PROBLEM REQUIREMENTS: Give an exact copy of the lines of the records below, starting at the line containing "#205=IFCMATERIALLAYER(#201,0.1799,$,'Thermally Broken Extruded" and running to the end.

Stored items

*** Block opens ***

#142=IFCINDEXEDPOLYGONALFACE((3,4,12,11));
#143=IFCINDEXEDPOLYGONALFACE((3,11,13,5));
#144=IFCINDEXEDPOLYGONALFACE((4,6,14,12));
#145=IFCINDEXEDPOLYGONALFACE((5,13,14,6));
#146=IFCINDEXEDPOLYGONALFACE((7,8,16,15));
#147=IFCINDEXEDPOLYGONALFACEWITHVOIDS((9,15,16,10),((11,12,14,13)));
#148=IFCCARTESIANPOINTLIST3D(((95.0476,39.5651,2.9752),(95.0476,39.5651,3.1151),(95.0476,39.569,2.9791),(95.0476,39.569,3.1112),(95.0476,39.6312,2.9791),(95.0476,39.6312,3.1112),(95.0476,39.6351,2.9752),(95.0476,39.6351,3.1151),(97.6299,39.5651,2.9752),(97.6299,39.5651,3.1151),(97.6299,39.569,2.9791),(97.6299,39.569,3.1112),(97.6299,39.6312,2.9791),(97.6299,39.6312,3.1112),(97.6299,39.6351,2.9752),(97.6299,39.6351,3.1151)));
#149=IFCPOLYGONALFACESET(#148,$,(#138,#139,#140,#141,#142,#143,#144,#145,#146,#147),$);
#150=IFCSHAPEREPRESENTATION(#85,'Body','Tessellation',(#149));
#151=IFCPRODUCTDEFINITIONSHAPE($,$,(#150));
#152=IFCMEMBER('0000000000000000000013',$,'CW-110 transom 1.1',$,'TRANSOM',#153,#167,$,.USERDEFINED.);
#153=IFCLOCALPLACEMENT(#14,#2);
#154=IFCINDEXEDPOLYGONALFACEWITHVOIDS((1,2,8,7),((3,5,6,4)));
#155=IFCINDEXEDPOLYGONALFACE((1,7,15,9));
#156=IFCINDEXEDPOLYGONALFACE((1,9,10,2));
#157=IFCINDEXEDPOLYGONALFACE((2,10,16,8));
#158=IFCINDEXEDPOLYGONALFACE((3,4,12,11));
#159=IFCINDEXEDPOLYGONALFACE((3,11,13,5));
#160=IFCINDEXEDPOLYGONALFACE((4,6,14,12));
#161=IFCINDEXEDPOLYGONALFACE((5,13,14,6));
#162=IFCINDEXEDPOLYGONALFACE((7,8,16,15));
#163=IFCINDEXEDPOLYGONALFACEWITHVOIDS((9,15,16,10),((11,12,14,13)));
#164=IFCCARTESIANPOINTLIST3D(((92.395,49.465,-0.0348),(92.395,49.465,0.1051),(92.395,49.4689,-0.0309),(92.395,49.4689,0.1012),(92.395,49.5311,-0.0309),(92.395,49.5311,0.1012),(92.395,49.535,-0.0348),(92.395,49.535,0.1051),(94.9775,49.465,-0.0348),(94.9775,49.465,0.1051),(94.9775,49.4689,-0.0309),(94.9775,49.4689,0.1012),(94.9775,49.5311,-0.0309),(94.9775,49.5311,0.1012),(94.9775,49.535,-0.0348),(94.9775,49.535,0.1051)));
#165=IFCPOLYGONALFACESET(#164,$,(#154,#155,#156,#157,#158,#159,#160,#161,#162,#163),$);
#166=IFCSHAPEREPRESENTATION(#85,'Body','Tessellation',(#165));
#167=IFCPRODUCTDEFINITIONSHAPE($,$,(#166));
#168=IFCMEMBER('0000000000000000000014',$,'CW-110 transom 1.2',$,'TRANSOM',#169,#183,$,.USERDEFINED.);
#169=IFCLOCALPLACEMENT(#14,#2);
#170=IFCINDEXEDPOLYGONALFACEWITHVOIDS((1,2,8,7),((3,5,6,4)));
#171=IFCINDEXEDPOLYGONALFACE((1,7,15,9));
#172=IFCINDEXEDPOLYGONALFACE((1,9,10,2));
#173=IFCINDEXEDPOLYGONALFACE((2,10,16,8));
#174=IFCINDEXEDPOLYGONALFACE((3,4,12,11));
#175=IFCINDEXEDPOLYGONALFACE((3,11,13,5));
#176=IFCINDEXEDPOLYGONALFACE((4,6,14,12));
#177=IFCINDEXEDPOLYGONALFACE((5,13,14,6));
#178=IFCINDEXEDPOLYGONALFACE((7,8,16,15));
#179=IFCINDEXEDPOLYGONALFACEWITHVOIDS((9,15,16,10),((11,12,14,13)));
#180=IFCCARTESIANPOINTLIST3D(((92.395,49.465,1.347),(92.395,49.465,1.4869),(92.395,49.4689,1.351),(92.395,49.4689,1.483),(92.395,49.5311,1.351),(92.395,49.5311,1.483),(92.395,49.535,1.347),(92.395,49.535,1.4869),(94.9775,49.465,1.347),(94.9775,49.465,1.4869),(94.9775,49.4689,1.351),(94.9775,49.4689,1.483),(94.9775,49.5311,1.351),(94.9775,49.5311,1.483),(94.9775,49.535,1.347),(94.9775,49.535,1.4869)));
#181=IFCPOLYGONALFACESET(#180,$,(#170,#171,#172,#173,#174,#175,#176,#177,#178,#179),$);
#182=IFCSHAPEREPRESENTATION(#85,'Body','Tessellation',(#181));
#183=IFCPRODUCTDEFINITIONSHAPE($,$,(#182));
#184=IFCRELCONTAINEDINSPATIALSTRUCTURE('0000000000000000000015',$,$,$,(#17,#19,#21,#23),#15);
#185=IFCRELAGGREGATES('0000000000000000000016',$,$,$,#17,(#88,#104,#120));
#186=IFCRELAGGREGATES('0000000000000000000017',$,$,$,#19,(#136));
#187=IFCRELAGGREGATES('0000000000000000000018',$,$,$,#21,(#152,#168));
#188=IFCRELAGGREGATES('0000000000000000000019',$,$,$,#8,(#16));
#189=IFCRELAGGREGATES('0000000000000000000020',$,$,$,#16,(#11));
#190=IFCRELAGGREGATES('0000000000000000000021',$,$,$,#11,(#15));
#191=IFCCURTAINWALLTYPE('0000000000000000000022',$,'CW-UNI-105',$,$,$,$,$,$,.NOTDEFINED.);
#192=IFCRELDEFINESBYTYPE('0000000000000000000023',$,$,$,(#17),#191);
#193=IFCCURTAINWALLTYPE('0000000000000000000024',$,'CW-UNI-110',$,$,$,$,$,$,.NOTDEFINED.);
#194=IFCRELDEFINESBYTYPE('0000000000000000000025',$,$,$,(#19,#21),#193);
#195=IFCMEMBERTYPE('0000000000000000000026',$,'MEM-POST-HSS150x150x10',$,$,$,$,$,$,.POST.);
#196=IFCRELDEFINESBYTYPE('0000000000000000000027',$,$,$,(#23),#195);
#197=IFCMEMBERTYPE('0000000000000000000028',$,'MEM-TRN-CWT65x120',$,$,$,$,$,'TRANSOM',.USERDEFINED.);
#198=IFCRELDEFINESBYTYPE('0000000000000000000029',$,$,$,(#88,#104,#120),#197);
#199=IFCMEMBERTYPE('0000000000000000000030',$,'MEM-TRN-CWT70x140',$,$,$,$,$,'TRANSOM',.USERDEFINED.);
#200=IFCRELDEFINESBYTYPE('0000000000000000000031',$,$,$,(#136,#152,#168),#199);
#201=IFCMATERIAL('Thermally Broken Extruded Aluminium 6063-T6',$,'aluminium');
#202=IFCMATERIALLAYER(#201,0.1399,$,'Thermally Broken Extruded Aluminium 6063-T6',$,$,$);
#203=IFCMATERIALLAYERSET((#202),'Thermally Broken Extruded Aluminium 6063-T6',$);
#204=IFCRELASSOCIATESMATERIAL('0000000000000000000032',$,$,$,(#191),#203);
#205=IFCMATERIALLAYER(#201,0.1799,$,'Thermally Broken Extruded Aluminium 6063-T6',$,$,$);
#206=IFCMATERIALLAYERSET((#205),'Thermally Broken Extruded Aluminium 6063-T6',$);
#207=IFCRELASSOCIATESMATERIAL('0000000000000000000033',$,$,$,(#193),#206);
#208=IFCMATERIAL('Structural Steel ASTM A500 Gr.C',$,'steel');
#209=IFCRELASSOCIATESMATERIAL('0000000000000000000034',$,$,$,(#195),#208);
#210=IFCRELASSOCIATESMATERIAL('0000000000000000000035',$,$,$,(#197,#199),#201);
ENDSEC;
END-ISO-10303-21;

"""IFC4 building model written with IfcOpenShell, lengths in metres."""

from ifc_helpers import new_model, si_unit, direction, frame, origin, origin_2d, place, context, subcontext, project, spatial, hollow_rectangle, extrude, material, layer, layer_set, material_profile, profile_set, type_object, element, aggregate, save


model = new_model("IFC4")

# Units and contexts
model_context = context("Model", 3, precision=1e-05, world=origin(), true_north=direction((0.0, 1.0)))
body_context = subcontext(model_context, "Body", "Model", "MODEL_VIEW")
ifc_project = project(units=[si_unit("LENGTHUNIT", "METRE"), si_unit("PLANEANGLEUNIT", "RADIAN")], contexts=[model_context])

*** Block closes ***

ANSWER TO THIS PROBLEM:
#205=IFCMATERIALLAYER(#201,0.1799,$,'Thermally Broken Extruded Aluminium 6063-T6',$,$,$);
#206=IFCMATERIALLAYERSET((#205),'Thermally Broken Extruded Aluminium 6063-T6',$);
#207=IFCRELASSOCIATESMATERIAL('0000000000000000000033',$,$,$,(#193),#206);
#208=IFCMATERIAL('Structural Steel ASTM A500 Gr.C',$,'steel');
#209=IFCRELASSOCIATESMATERIAL('0000000000000000000034',$,$,$,(#195),#208);
#210=IFCRELASSOCIATESMATERIAL('0000000000000000000035',$,$,$,(#197,#199),#201);
ENDSEC;
END-ISO-10303-21;

"""IFC4 building model written with IfcOpenShell, lengths in metres."""

from ifc_helpers import new_model, si_unit, direction, frame, origin, origin_2d, place, context, subcontext, project, spatial, hollow_rectangle, extrude, material, layer, layer_set, material_profile, profile_set, type_object, element, aggregate, save


model = new_model("IFC4")

# Units and contexts
model_context = context("Model", 3, precision=1e-05, world=origin(), true_north=direction((0.0, 1.0)))
body_context = subcontext(model_context, "Body", "Model", "MODEL_VIEW")
ifc_project = project(units=[si_unit("LENGTHUNIT", "METRE"), si_unit("PLANEANGLEUNIT", "RADIAN")], contexts=[model_context])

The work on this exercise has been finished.